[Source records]
═══

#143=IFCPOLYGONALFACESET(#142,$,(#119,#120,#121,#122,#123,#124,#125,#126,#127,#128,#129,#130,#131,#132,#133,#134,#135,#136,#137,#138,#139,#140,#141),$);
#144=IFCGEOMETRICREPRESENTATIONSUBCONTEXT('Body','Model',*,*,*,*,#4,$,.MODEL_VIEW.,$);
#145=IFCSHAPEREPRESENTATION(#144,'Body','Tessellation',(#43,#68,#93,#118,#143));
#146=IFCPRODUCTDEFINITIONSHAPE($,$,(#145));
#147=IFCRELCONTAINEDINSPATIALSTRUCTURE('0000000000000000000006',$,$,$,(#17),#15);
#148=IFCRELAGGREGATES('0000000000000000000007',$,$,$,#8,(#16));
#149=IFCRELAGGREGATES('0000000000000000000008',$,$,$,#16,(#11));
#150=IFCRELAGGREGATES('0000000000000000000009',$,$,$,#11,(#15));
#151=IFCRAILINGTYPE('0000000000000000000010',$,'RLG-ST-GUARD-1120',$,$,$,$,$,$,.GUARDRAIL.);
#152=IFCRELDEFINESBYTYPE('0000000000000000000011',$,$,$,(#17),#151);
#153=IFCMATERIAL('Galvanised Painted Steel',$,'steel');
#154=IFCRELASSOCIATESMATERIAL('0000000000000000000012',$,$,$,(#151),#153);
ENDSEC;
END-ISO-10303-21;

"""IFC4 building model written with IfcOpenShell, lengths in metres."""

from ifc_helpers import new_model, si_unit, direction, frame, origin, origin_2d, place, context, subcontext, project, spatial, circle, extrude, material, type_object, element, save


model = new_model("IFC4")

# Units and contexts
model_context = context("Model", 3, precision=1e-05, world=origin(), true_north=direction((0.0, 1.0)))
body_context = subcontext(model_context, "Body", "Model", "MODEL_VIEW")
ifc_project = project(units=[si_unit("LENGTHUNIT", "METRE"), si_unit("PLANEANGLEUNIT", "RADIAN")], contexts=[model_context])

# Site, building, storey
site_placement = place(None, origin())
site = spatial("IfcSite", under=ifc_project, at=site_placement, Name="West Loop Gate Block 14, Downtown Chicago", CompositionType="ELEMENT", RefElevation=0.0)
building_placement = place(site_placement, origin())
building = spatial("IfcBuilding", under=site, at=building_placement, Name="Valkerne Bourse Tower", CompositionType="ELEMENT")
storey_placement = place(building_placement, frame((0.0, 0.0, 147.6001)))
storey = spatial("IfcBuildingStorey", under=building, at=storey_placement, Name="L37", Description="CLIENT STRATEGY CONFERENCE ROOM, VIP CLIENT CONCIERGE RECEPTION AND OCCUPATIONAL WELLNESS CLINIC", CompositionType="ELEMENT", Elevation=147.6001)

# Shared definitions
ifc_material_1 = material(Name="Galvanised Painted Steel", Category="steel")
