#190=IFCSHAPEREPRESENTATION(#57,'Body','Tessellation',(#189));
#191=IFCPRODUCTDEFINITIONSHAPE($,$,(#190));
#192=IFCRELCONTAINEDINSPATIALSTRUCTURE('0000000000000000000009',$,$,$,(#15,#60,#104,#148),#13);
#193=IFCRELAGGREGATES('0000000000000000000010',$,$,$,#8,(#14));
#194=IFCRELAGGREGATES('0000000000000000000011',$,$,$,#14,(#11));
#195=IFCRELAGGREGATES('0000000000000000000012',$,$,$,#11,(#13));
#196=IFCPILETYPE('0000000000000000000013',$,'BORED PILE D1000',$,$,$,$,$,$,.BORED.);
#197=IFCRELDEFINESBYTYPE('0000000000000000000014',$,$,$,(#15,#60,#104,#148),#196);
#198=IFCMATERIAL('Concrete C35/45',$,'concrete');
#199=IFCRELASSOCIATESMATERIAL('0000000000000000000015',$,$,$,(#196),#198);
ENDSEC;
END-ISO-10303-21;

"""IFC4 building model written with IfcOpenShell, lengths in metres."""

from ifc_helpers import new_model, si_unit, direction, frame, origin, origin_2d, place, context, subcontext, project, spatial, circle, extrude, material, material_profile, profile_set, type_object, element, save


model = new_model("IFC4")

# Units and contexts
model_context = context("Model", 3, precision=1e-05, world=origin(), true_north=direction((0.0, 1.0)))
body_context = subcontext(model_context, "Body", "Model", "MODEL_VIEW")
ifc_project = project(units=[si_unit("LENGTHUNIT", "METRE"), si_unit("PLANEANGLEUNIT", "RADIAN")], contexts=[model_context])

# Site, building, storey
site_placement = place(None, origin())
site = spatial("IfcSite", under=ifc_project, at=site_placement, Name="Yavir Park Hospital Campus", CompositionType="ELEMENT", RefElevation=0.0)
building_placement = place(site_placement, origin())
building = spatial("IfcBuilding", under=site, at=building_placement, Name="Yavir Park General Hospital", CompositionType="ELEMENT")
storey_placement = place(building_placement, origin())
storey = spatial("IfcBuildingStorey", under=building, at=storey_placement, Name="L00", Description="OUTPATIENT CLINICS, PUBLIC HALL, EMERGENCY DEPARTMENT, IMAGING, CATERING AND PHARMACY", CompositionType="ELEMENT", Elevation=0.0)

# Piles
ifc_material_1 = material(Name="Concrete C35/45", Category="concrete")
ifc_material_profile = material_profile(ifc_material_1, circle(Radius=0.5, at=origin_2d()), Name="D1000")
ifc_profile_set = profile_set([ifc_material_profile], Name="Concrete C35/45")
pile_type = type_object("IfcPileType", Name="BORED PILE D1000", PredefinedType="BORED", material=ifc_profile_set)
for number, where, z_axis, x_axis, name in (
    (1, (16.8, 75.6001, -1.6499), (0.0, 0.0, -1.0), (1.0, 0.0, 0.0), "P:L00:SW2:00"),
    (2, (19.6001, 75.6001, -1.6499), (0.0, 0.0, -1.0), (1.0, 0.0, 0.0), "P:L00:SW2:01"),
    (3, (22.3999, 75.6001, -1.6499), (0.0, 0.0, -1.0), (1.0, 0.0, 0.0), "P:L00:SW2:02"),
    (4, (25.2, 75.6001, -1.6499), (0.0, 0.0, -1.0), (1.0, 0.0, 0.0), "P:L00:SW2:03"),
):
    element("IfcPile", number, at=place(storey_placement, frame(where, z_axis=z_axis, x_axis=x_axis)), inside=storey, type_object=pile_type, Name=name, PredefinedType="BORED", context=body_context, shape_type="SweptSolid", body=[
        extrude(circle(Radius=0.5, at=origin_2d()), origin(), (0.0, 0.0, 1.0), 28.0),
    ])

═══

== Problem to solve ==
Could you write out all the data exactly as it is given?

== Response to the exercise ==
#143=IFCPOLYGONALFACESET(#142,$,(#119,#120,#121,#122,#123,#124,#125,#126,#127,#128,#129,#130,#131,#132,#133,#134,#135,#136,#137,#138,#139,#140,#141),$);
#144=IFCGEOMETRICREPRESENTATIONSUBCONTEXT('Body','Model',*,*,*,*,#4,$,.MODEL_VIEW.,$);
#145=IFCSHAPEREPRESENTATION(#144,'Body','Tessellation',(#43,#68,#93,#118,#143));
#146=IFCPRODUCTDEFINITIONSHAPE($,$,(#145));
#147=IFCRELCONTAINEDINSPATIALSTRUCTURE('0000000000000000000006',$,$,$,(#17),#15);
#148=IFCRELAGGREGATES('0000000000000000000007',$,$,$,#8,(#16));
#149=IFCRELAGGREGATES('0000000000000000000008',$,$,$,#16,(#11));
#150=IFCRELAGGREGATES('0000000000000000000009',$,$,$,#11,(#15));
#151=IFCRAILINGTYPE('0000000000000000000010',$,'RLG-ST-GUARD-1120',$,$,$,$,$,$,.GUARDRAIL.);
#152=IFCRELDEFINESBYTYPE('0000000000000000000011',$,$,$,(#17),#151);
#153=IFCMATERIAL('Galvanised Painted Steel',$,'steel');
#154=IFCRELASSOCIATESMATERIAL('0000000000000000000012',$,$,$,(#151),#153);
ENDSEC;
END-ISO-10303-21;

"""IFC4 building model written with IfcOpenShell, lengths in metres."""

from ifc_helpers import new_model, si_unit, direction, frame, origin, origin_2d, place, context, subcontext, project, spatial, circle, extrude, material, type_object, element, save


model = new_model("IFC4")

# Units and contexts
model_context = context("Model", 3, precision=1e-05, world=origin(), true_north=direction((0.0, 1.0)))
body_context = subcontext(model_context, "Body", "Model", "MODEL_VIEW")
ifc_project = project(units=[si_unit("LENGTHUNIT", "METRE"), si_unit("PLANEANGLEUNIT", "RADIAN")], contexts=[model_context])

# Site, building, storey
site_placement = place(None, origin())
site = spatial("IfcSite", under=ifc_project, at=site_placement, Name="West Loop Gate Block 14, Downtown Chicago", CompositionType="ELEMENT", RefElevation=0.0)
building_placement = place(site_placement, origin())
building = spatial("IfcBuilding", under=site, at=building_placement, Name="Valkerne Bourse Tower", CompositionType="ELEMENT")
storey_placement = place(building_placement, frame((0.0, 0.0, 147.6001)))
storey = spatial("IfcBuildingStorey", under=building, at=storey_placement, Name="L37", Description="CLIENT STRATEGY CONFERENCE ROOM, VIP CLIENT CONCIERGE RECEPTION AND OCCUPATIONAL WELLNESS CLINIC", CompositionType="ELEMENT", Elevation=147.6001)

# Shared definitions
ifc_material_1 = material(Name="Galvanised Painted Steel", Category="steel")
#190=IFCSHAPEREPRESENTATION(#57,'Body','Tessellation',(#189));
#191=IFCPRODUCTDEFINITIONSHAPE($,$,(#190));
#192=IFCRELCONTAINEDINSPATIALSTRUCTURE('0000000000000000000009',$,$,$,(#15,#60,#104,#148),#13);
#193=IFCRELAGGREGATES('0000000000000000000010',$,$,$,#8,(#14));
#194=IFCRELAGGREGATES('0000000000000000000011',$,$,$,#14,(#11));
#195=IFCRELAGGREGATES('0000000000000000000012',$,$,$,#11,(#13));
#196=IFCPILETYPE('0000000000000000000013',$,'BORED PILE D1000',$,$,$,$,$,$,.BORED.);
#197=IFCRELDEFINESBYTYPE('0000000000000000000014',$,$,$,(#15,#60,#104,#148),#196);
#198=IFCMATERIAL('Concrete C35/45',$,'concrete');
#199=IFCRELASSOCIATESMATERIAL('0000000000000000000015',$,$,$,(#196),#198);
ENDSEC;
END-ISO-10303-21;

"""IFC4 building model written with IfcOpenShell, lengths in metres."""

from ifc_helpers import new_model, si_unit, direction, frame, origin, origin_2d, place, context, subcontext, project, spatial, circle, extrude, material, material_profile, profile_set, type_object, element, save


model = new_model("IFC4")

# Units and contexts
model_context = context("Model", 3, precision=1e-05, world=origin(), true_north=direction((0.0, 1.0)))
body_context = subcontext(model_context, "Body", "Model", "MODEL_VIEW")
ifc_project = project(units=[si_unit("LENGTHUNIT", "METRE"), si_unit("PLANEANGLEUNIT", "RADIAN")], contexts=[model_context])

# Site, building, storey
site_placement = place(None, origin())
site = spatial("IfcSite", under=ifc_project, at=site_placement, Name="Yavir Park Hospital Campus", CompositionType="ELEMENT", RefElevation=0.0)
building_placement = place(site_placement, origin())
building = spatial("IfcBuilding", under=site, at=building_placement, Name="Yavir Park General Hospital", CompositionType="ELEMENT")
storey_placement = place(building_placement, origin())
storey = spatial("IfcBuildingStorey", under=building, at=storey_placement, Name="L00", Description="OUTPATIENT CLINICS, PUBLIC HALL, EMERGENCY DEPARTMENT, IMAGING, CATERING AND PHARMACY", CompositionType="ELEMENT", Elevation=0.0)

# Piles
ifc_material_1 = material(Name="Concrete C35/45", Category="concrete")
ifc_material_profile = material_profile(ifc_material_1, circle(Radius=0.5, at=origin_2d()), Name="D1000")
ifc_profile_set = profile_set([ifc_material_profile], Name="Concrete C35/45")
pile_type = type_object("IfcPileType", Name="BORED PILE D1000", PredefinedType="BORED", material=ifc_profile_set)
for number, where, z_axis, x_axis, name in (
    (1, (16.8, 75.6001, -1.6499), (0.0, 0.0, -1.0), (1.0, 0.0, 0.0), "P:L00:SW2:00"),
    (2, (19.6001, 75.6001, -1.6499), (0.0, 0.0, -1.0), (1.0, 0.0, 0.0), "P:L00:SW2:01"),
    (3, (22.3999, 75.6001, -1.6499), (0.0, 0.0, -1.0), (1.0, 0.0, 0.0), "P:L00:SW2:02"),
    (4, (25.2, 75.6001, -1.6499), (0.0, 0.0, -1.0), (1.0, 0.0, 0.0), "P:L00:SW2:03"),
):
    element("IfcPile", number, at=place(storey_placement, frame(where, z_axis=z_axis, x_axis=x_axis)), inside=storey, type_object=pile_type, Name=name, PredefinedType="BORED", context=body_context, shape_type="SweptSolid", body=[
        extrude(circle(Radius=0.5, at=origin_2d()), origin(), (0.0, 0.0, 1.0), 28.0),
    ])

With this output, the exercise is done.